Materials provided: Begin
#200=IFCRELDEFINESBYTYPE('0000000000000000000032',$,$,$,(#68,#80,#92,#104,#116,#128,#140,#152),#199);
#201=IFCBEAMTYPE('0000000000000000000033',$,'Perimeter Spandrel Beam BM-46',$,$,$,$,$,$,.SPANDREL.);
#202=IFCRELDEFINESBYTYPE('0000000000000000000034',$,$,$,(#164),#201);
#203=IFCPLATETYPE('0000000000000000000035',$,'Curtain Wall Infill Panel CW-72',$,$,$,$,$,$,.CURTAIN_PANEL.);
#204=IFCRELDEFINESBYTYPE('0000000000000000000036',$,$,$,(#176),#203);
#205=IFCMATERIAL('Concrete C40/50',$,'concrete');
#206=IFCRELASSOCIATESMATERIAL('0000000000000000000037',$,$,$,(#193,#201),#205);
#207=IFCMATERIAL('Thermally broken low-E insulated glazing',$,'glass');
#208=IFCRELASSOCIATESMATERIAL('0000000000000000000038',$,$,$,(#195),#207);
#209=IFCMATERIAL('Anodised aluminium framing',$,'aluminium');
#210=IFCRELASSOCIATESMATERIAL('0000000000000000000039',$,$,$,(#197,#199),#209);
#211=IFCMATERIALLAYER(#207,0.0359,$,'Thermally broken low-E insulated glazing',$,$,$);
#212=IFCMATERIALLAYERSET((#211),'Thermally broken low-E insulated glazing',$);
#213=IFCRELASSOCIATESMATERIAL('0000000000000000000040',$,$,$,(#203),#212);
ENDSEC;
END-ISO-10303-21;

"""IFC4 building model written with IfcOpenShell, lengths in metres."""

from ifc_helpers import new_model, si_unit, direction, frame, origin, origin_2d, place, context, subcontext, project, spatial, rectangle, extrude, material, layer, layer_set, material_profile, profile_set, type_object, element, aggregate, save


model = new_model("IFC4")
Materials provided: End
Collect every line with the string "IFCRELDEFINESBYTYPE" from the records, and copy each.

#200=IFCRELDEFINESBYTYPE('0000000000000000000032',$,$,$,(#68,#80,#92,#104,#116,#128,#140,#152),#199);
#202=IFCRELDEFINESBYTYPE('0000000000000000000034',$,$,$,(#164),#201);
#204=IFCRELDEFINESBYTYPE('0000000000000000000036',$,$,$,(#176),#203);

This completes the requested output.